## WORK REQUIRED
List each line of the data in which the string "contexts" appears.

INFORMATION PROVIDED Start Marker

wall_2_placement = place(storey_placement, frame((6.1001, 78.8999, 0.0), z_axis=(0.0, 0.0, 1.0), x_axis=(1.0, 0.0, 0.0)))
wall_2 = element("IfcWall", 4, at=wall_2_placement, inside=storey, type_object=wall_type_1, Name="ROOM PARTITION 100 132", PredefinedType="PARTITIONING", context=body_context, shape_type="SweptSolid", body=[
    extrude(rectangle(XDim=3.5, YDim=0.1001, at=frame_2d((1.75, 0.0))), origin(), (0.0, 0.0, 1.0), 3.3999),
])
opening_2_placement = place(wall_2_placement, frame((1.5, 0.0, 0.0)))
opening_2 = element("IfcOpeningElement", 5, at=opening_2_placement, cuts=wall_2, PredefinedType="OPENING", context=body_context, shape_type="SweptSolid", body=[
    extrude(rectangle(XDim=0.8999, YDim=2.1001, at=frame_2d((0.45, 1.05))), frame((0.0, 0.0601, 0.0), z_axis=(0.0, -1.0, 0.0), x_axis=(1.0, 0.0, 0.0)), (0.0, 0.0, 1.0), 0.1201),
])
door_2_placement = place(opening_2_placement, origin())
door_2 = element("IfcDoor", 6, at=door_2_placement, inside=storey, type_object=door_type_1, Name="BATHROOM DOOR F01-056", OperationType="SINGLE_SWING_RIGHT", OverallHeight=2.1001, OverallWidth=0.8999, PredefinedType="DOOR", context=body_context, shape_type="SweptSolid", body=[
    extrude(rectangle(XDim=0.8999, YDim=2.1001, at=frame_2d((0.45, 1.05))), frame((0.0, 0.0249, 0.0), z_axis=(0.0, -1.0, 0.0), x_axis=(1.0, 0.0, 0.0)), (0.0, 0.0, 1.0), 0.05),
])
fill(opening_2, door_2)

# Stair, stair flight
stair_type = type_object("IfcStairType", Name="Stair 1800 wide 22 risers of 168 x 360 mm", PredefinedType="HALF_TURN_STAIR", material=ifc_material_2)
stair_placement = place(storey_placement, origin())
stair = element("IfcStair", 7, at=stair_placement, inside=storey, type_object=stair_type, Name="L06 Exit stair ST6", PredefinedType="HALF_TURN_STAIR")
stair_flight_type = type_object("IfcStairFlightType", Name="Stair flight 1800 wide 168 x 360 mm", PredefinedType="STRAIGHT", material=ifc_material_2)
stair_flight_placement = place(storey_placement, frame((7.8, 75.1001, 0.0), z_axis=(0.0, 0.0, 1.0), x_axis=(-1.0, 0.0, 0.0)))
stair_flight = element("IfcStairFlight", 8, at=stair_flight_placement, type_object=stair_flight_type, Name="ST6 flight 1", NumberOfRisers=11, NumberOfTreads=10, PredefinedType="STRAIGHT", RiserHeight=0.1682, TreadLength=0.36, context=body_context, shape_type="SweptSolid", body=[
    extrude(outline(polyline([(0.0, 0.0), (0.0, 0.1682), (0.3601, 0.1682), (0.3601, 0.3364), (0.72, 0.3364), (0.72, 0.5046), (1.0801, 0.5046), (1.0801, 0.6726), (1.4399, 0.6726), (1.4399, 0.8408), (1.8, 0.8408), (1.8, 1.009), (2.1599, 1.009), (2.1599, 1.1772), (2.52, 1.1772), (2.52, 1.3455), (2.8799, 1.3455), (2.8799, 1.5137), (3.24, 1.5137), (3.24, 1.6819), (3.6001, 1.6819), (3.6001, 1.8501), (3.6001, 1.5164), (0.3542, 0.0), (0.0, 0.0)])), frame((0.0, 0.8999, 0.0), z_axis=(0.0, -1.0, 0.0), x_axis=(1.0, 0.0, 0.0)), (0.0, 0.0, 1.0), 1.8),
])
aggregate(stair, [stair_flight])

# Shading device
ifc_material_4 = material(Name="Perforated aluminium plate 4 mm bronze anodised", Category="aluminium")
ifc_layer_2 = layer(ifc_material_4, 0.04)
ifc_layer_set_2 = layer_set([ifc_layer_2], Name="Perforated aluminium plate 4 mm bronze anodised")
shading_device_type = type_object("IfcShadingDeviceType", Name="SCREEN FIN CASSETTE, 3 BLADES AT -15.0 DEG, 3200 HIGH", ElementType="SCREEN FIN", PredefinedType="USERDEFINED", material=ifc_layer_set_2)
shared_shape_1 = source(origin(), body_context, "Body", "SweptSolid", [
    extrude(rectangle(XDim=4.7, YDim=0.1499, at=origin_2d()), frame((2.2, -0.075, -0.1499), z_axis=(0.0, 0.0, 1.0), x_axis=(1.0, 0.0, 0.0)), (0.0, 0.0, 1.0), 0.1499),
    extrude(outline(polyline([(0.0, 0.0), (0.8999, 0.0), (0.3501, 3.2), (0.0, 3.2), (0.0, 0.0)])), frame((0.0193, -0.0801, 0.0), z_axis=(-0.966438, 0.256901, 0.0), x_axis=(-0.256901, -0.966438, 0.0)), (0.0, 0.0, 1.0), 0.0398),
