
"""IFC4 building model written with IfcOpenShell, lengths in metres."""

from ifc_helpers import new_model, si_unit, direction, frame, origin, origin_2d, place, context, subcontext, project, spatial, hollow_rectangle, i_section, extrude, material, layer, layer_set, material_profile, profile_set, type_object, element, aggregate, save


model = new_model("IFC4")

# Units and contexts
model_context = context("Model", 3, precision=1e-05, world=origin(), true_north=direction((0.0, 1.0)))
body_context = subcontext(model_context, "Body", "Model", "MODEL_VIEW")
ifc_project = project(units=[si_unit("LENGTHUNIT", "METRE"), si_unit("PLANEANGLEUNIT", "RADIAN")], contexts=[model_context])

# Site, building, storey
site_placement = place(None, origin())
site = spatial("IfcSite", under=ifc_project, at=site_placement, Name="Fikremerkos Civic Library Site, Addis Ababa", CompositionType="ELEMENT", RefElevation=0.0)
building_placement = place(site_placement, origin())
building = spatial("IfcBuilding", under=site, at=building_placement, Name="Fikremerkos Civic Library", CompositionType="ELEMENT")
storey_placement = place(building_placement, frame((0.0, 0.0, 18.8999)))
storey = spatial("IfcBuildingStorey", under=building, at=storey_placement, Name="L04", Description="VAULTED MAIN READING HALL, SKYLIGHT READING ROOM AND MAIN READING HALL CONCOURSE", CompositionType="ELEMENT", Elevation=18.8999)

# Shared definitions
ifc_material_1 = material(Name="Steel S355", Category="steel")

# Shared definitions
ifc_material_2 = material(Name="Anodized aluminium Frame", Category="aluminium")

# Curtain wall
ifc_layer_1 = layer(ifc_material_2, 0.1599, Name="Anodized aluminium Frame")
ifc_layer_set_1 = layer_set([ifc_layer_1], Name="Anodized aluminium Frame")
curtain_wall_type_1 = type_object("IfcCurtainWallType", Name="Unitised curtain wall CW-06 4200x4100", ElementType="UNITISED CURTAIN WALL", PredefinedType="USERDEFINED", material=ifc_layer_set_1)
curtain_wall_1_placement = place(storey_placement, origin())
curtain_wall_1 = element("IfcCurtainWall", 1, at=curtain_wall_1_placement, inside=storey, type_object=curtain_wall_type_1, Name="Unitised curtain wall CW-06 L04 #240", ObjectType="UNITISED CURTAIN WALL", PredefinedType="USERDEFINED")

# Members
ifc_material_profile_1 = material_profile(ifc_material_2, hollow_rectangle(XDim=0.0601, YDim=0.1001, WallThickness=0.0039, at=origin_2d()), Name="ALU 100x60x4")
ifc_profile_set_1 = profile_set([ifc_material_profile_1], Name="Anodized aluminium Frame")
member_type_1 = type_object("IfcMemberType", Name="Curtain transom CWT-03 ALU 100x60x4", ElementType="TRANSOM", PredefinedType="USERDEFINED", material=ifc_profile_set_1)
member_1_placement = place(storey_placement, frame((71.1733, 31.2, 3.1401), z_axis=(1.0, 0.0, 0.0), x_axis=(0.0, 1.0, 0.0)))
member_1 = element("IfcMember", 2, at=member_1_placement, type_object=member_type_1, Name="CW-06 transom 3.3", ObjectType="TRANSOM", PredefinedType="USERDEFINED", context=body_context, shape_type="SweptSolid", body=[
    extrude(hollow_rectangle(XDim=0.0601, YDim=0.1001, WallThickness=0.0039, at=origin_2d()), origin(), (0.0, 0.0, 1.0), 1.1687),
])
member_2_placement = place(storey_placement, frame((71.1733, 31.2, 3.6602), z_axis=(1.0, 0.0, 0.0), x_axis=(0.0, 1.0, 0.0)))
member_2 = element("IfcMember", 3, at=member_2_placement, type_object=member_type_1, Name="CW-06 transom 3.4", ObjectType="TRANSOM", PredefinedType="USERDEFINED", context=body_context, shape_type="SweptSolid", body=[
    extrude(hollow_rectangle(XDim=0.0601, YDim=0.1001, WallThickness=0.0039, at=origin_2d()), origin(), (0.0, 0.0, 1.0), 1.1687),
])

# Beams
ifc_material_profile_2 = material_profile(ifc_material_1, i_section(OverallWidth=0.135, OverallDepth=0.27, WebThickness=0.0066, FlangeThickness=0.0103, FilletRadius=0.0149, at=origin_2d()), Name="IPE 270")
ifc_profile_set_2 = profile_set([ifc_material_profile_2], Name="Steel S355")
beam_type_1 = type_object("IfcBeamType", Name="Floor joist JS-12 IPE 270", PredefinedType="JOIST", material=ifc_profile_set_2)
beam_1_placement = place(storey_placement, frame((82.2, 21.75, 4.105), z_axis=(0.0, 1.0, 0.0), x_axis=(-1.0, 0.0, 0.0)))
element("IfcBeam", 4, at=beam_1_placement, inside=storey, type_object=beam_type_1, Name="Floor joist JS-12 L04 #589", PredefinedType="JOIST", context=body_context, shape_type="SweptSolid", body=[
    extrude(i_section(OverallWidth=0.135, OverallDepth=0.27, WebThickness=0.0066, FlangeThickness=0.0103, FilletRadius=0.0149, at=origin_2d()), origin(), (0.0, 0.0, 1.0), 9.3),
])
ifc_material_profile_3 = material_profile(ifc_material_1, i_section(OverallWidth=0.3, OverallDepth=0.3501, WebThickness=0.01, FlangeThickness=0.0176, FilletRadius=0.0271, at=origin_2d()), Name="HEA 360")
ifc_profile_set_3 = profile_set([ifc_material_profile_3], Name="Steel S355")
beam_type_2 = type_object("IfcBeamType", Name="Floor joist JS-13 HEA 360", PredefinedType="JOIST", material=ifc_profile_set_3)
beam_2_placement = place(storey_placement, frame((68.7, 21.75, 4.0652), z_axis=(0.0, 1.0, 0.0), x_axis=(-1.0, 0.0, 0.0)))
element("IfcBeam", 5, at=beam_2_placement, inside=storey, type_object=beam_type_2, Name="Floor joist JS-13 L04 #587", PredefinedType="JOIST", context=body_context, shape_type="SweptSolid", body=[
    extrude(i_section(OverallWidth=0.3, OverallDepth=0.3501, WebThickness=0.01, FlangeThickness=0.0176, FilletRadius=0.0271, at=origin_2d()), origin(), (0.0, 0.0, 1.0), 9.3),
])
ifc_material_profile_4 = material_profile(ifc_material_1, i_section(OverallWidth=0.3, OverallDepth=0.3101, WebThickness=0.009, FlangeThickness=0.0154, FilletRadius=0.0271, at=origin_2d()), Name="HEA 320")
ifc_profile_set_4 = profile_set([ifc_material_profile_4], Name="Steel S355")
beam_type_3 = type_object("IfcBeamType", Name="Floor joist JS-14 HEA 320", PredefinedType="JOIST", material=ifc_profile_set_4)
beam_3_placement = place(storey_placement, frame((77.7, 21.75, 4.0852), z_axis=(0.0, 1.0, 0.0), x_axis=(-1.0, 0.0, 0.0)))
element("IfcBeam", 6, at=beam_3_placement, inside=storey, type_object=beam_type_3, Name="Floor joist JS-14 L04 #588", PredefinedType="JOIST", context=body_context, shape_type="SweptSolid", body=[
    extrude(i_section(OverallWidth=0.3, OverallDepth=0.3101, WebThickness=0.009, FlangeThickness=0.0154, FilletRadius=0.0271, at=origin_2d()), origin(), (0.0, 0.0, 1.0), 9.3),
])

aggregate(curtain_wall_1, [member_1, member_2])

INFORMATION PROVIDED End Marker

## TASK OUTPUT
# Units and contexts
ifc_project = project(units=[si_unit("LENGTHUNIT", "METRE"), si_unit("PLANEANGLEUNIT", "RADIAN")], contexts=[model_context])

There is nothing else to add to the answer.